[[ Information provided, beginning ]]
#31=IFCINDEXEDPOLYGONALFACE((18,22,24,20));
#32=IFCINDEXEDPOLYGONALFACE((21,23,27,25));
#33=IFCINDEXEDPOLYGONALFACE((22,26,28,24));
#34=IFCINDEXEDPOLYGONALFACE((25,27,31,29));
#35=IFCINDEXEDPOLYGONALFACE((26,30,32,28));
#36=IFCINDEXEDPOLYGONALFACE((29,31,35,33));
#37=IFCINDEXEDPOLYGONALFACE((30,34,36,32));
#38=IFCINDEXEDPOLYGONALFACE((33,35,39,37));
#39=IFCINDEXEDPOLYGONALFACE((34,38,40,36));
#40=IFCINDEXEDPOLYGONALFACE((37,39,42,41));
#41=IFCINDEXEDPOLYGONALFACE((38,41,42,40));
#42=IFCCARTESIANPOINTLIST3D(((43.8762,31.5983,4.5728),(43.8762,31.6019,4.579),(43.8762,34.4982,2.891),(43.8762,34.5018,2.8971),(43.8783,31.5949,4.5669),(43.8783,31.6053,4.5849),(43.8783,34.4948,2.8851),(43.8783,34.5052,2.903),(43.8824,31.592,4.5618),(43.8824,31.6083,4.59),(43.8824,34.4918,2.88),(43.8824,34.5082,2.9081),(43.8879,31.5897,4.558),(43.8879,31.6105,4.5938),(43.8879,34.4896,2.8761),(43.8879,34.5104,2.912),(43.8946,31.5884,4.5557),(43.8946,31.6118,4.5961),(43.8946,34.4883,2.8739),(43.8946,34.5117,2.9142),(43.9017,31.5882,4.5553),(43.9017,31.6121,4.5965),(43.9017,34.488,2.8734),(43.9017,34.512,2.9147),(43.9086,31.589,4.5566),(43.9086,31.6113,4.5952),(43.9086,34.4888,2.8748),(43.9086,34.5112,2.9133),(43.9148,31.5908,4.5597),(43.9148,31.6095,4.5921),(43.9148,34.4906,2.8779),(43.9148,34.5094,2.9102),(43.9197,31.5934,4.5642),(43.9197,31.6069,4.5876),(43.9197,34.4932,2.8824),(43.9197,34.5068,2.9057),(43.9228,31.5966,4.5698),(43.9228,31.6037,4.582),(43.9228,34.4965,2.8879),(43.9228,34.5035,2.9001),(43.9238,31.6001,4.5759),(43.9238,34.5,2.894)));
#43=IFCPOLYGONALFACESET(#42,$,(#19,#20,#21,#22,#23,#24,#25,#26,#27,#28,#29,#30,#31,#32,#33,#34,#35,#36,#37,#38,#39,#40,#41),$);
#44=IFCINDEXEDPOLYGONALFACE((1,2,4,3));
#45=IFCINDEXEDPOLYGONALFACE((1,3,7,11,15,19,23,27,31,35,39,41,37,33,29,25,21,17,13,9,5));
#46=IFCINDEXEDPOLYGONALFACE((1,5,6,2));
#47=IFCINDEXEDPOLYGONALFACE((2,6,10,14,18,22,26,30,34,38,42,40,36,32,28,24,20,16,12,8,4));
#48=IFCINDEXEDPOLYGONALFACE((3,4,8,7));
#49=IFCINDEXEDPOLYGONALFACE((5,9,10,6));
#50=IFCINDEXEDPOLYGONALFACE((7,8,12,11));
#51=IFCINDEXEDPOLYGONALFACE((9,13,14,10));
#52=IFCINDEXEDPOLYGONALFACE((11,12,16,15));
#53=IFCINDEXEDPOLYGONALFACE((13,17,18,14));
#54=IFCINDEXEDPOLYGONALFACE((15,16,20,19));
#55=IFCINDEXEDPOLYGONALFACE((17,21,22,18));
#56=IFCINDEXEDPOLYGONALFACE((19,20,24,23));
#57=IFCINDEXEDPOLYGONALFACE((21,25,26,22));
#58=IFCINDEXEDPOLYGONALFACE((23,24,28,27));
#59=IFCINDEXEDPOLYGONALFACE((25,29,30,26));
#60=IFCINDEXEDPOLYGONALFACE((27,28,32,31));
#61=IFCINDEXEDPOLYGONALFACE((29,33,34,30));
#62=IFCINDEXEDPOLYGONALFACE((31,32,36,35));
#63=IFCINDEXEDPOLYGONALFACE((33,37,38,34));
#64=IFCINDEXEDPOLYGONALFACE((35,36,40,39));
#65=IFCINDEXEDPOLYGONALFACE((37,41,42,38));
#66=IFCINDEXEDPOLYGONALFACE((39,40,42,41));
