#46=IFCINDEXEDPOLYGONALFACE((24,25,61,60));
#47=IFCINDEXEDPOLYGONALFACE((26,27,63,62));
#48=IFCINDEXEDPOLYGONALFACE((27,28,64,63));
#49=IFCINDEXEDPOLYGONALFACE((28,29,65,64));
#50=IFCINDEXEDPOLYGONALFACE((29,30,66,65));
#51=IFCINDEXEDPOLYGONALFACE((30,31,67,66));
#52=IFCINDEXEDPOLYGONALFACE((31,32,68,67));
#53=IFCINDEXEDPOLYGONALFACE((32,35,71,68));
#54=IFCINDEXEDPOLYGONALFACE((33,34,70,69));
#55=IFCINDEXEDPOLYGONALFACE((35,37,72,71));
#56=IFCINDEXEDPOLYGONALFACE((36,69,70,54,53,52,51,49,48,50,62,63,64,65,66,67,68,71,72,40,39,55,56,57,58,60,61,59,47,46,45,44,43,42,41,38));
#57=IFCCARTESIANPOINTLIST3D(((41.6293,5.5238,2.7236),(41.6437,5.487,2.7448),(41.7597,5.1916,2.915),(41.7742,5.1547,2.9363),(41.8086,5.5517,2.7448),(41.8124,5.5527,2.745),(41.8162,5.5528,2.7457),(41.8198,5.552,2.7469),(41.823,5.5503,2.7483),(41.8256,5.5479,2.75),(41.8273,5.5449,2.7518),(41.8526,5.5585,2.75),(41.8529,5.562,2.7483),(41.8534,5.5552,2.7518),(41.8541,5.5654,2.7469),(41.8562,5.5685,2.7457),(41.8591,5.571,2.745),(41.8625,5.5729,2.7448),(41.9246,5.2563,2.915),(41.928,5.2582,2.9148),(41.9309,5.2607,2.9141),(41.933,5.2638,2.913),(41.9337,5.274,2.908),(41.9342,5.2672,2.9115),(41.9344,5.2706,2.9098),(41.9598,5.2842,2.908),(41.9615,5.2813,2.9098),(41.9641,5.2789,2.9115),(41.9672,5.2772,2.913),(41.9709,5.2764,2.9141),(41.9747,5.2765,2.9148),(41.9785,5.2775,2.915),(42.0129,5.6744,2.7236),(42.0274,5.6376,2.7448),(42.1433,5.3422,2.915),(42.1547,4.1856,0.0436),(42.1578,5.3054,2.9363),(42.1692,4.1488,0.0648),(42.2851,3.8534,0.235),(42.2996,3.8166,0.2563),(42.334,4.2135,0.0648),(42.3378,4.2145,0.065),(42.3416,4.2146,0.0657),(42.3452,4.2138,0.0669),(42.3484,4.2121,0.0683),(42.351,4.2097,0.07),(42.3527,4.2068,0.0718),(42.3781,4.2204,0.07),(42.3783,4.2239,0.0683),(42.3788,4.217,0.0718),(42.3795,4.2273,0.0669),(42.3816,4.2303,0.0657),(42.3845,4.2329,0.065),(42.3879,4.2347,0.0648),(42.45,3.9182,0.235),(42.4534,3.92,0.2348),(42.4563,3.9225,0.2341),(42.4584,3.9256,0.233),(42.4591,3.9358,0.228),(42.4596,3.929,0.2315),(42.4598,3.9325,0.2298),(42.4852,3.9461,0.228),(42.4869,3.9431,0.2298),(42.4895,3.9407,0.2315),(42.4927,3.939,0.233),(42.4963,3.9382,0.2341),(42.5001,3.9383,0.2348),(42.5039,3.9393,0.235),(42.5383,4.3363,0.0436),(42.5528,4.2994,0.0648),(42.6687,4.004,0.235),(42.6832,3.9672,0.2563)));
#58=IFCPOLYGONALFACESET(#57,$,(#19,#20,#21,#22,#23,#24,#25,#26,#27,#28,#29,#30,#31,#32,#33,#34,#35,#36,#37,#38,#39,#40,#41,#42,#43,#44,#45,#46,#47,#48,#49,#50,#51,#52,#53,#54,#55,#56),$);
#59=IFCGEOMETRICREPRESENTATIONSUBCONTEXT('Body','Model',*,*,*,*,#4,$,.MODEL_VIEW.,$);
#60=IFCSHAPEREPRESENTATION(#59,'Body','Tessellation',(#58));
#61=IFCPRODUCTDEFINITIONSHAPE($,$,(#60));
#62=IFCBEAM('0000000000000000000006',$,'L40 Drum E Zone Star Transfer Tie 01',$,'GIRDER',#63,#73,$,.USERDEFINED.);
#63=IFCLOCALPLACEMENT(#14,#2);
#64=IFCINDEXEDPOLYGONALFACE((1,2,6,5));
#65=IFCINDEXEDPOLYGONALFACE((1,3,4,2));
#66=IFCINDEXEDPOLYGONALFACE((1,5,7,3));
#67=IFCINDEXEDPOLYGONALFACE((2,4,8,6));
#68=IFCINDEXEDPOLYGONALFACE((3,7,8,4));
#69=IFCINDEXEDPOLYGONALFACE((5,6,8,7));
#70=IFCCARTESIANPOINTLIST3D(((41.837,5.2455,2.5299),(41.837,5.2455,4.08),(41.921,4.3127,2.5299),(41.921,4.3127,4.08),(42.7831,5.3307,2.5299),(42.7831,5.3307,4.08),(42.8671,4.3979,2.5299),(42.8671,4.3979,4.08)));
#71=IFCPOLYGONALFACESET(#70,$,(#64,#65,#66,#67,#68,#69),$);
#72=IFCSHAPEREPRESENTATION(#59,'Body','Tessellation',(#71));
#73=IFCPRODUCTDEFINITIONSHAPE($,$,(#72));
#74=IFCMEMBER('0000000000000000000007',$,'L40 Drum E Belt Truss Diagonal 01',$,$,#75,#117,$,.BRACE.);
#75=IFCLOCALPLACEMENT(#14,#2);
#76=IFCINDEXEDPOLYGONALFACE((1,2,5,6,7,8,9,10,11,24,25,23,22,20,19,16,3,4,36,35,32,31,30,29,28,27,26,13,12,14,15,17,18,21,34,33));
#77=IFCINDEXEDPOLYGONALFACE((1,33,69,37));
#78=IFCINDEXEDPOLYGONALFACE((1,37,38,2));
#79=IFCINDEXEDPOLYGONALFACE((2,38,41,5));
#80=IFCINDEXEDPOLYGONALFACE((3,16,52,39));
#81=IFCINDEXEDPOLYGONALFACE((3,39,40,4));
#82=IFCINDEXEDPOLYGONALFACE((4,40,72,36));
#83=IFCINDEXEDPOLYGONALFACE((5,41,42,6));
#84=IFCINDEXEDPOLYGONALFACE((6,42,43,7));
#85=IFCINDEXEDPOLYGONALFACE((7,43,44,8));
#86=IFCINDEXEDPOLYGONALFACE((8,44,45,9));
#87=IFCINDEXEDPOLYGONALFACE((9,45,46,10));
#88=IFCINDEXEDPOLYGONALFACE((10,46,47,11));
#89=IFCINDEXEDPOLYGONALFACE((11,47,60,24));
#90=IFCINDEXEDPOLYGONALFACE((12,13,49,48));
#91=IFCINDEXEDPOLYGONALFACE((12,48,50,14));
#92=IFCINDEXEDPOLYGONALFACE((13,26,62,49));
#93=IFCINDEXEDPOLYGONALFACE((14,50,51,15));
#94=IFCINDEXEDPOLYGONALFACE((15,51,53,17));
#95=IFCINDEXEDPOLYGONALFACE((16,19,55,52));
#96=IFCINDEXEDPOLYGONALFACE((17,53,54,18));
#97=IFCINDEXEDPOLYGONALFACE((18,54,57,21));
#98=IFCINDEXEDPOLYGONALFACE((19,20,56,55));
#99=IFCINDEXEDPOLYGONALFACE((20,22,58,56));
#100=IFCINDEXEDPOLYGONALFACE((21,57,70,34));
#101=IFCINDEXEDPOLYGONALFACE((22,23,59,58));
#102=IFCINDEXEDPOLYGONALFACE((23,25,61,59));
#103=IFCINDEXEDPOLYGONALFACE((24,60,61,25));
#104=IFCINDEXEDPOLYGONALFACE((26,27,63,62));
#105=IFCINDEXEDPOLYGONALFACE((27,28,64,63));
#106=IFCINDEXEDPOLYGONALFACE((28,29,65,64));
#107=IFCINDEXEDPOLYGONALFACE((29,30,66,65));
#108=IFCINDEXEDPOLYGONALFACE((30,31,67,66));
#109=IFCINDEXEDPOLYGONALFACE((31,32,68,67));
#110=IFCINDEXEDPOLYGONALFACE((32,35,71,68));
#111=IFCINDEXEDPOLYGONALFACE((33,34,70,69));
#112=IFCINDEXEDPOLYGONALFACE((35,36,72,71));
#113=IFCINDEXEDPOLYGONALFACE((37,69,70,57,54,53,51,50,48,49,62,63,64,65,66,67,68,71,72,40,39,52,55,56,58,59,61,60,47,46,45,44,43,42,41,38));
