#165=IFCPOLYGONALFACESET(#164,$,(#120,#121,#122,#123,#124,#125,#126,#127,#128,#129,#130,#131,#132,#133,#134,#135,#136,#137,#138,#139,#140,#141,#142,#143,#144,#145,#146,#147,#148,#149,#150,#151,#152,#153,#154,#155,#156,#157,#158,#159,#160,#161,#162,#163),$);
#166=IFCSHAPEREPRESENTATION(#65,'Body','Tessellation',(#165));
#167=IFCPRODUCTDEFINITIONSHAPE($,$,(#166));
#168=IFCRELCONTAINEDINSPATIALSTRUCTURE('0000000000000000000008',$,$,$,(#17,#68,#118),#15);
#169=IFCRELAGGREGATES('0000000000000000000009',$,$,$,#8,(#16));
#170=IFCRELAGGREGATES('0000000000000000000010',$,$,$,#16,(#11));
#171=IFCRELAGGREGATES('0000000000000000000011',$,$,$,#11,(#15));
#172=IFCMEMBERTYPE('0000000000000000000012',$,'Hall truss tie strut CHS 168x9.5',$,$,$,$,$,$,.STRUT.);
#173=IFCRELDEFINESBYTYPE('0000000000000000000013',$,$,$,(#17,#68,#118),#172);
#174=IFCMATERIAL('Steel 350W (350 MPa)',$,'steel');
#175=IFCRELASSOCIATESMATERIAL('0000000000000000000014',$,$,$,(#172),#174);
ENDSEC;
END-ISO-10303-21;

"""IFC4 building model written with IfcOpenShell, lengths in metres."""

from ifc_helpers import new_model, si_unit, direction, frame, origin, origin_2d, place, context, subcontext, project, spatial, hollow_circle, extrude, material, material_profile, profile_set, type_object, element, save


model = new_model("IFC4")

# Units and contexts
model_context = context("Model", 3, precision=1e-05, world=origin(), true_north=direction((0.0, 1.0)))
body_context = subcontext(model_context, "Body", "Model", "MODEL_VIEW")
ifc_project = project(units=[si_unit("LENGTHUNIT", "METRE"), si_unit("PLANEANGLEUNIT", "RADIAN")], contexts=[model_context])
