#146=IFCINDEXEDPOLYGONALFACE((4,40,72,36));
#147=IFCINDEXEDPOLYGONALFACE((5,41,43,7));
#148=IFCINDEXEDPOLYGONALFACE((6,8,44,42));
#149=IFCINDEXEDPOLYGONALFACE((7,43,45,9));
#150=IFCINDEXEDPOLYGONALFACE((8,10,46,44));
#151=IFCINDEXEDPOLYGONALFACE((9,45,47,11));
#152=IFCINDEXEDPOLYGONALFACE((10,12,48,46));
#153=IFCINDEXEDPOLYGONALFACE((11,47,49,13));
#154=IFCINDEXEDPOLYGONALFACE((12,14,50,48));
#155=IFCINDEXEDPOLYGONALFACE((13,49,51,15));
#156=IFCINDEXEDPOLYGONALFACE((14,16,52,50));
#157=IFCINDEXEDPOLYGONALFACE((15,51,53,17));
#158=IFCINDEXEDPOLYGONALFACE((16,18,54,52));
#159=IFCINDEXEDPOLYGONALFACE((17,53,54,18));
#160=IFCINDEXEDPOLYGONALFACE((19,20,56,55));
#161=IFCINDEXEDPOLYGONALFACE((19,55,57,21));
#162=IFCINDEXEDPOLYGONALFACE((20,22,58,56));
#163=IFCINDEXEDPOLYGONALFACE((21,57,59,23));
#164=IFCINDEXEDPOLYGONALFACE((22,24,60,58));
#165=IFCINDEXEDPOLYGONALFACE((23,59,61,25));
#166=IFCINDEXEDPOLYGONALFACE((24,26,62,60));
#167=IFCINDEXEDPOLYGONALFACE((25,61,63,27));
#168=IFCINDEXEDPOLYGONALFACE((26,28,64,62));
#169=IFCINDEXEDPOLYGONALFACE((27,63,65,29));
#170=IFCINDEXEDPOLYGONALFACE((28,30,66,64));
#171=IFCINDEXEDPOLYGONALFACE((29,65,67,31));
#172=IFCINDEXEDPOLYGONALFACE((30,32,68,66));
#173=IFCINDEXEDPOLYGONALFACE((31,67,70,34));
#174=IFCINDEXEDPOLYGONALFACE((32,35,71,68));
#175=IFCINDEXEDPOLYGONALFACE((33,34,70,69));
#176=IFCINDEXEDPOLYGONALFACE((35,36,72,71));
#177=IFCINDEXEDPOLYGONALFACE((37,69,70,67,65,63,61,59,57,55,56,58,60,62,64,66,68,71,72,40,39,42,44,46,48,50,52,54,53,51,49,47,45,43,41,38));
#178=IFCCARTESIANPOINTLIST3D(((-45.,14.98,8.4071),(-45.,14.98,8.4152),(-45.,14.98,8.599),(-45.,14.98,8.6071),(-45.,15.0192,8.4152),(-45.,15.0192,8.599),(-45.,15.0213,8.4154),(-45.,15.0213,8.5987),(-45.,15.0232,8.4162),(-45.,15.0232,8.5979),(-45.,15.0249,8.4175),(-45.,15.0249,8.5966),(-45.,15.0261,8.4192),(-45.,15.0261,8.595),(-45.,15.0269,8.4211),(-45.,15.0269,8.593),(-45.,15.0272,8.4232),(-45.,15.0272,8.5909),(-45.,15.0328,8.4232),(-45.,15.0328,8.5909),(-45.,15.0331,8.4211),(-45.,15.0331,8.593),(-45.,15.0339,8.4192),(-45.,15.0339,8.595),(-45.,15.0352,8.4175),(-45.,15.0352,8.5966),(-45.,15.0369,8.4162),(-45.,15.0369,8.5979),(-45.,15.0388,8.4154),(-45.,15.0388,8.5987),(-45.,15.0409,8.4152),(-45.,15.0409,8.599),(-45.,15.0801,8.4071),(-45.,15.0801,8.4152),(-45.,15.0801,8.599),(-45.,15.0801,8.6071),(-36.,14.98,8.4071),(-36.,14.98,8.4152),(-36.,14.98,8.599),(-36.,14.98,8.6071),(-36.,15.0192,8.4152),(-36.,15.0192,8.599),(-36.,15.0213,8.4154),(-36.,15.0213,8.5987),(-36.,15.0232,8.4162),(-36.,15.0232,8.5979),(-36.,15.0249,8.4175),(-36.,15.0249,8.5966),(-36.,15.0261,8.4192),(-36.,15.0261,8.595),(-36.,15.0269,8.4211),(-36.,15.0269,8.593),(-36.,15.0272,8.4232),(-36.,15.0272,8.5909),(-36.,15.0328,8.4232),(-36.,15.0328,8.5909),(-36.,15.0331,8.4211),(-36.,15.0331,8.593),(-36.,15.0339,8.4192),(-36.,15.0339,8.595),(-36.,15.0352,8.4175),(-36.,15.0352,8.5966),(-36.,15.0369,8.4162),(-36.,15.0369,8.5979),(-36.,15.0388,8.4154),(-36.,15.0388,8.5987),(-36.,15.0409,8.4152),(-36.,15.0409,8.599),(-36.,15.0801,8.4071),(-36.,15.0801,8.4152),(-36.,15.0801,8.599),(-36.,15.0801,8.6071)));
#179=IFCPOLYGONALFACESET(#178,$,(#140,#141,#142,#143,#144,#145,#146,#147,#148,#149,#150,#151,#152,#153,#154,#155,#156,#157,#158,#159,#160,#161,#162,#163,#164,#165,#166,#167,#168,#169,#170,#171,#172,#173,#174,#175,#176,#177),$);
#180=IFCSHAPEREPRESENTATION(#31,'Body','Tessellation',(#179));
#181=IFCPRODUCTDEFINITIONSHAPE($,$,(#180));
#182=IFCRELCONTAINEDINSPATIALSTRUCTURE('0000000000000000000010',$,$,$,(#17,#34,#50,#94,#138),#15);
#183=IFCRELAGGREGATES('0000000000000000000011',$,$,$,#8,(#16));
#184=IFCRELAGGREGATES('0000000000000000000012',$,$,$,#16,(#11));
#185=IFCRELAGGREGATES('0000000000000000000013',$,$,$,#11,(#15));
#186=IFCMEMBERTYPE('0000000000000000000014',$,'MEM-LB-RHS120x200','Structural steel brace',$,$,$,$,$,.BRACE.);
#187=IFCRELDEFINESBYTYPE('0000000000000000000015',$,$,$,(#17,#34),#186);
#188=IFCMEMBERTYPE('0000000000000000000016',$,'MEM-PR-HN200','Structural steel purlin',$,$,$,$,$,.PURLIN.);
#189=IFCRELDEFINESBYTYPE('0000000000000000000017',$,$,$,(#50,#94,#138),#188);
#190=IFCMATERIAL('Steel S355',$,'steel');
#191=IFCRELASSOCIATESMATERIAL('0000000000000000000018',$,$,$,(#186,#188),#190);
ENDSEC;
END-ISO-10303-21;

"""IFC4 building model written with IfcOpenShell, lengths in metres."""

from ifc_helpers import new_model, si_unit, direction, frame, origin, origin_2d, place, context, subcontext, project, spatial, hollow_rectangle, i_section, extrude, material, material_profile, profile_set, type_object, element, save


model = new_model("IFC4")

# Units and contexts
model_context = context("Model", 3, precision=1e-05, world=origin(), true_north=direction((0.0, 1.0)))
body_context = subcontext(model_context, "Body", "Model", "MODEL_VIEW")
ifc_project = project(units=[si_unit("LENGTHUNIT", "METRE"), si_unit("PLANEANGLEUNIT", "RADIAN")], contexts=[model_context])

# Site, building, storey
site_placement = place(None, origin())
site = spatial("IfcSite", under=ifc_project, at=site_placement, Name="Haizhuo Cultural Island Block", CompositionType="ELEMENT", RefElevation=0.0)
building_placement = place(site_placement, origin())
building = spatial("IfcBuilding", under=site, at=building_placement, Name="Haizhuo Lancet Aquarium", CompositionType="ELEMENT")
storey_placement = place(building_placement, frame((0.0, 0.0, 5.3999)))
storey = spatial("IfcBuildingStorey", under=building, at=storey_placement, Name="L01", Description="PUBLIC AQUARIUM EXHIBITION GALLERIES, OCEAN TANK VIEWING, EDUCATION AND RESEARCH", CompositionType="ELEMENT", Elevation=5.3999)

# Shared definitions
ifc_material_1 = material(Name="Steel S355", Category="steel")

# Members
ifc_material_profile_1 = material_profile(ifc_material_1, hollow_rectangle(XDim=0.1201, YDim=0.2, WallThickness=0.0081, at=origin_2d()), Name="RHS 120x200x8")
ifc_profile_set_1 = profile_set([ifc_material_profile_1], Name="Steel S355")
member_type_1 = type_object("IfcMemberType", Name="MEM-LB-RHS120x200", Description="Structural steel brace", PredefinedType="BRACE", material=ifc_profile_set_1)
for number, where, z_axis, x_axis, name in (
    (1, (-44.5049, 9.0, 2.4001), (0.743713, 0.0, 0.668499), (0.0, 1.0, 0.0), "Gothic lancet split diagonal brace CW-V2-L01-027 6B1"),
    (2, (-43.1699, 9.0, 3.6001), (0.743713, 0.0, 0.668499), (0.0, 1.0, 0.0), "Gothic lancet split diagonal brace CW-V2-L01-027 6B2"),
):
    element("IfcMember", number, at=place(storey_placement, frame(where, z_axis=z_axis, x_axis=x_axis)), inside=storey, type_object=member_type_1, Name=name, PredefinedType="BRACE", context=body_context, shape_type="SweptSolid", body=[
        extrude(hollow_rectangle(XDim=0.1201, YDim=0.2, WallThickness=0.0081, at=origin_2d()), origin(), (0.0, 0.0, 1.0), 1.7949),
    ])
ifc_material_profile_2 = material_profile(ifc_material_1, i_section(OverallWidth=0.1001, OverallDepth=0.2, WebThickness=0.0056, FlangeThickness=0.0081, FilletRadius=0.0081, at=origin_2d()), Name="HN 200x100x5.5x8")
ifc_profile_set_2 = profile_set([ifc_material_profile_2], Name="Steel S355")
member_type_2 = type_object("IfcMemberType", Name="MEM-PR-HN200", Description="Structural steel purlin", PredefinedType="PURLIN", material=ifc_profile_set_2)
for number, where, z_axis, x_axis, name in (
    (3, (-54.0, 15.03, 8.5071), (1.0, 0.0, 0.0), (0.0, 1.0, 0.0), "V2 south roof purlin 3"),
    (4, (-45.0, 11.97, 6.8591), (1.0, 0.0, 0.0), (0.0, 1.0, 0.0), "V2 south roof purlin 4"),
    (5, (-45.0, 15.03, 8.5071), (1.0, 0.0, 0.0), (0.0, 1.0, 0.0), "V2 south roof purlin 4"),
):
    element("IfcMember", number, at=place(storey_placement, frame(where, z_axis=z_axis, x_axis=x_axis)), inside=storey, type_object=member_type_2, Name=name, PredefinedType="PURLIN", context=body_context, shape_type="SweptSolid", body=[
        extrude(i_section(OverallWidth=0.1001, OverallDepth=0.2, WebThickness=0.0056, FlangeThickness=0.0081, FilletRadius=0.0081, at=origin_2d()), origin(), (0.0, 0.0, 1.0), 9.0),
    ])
[[ Information provided, end ]]
Directions for this task = Please transcribe only the lines in the records above running from the line that has "#71=IFCPOLYGONALFACESET(#70,$,(#64,#65,#66,#67,#68,#69),$);" through the line that has "#99=IFCINDEXEDPOLYGONALFACE((20,22,58,56));", both included, exactly as they appear.

Answer section =
#71=IFCPOLYGONALFACESET(#70,$,(#64,#65,#66,#67,#68,#69),$);
#72=IFCSHAPEREPRESENTATION(#59,'Body','Tessellation',(#71));
#73=IFCPRODUCTDEFINITIONSHAPE($,$,(#72));
#74=IFCMEMBER('0000000000000000000007',$,'L40 Drum E Belt Truss Diagonal 01',$,$,#75,#117,$,.BRACE.);
#75=IFCLOCALPLACEMENT(#14,#2);
#76=IFCINDEXEDPOLYGONALFACE((1,2,5,6,7,8,9,10,11,24,25,23,22,20,19,16,3,4,36,35,32,31,30,29,28,27,26,13,12,14,15,17,18,21,34,33));
#77=IFCINDEXEDPOLYGONALFACE((1,33,69,37));
#78=IFCINDEXEDPOLYGONALFACE((1,37,38,2));
#79=IFCINDEXEDPOLYGONALFACE((2,38,41,5));
#80=IFCINDEXEDPOLYGONALFACE((3,16,52,39));
#81=IFCINDEXEDPOLYGONALFACE((3,39,40,4));
#82=IFCINDEXEDPOLYGONALFACE((4,40,72,36));
#83=IFCINDEXEDPOLYGONALFACE((5,41,42,6));
#84=IFCINDEXEDPOLYGONALFACE((6,42,43,7));
#85=IFCINDEXEDPOLYGONALFACE((7,43,44,8));
#86=IFCINDEXEDPOLYGONALFACE((8,44,45,9));
#87=IFCINDEXEDPOLYGONALFACE((9,45,46,10));
#88=IFCINDEXEDPOLYGONALFACE((10,46,47,11));
#89=IFCINDEXEDPOLYGONALFACE((11,47,60,24));
#90=IFCINDEXEDPOLYGONALFACE((12,13,49,48));
#91=IFCINDEXEDPOLYGONALFACE((12,48,50,14));
#92=IFCINDEXEDPOLYGONALFACE((13,26,62,49));
#93=IFCINDEXEDPOLYGONALFACE((14,50,51,15));
#94=IFCINDEXEDPOLYGONALFACE((15,51,53,17));
#95=IFCINDEXEDPOLYGONALFACE((16,19,55,52));
#96=IFCINDEXEDPOLYGONALFACE((17,53,54,18));
#97=IFCINDEXEDPOLYGONALFACE((18,54,57,21));
#98=IFCINDEXEDPOLYGONALFACE((19,20,56,55));
#99=IFCINDEXEDPOLYGONALFACE((20,22,58,56));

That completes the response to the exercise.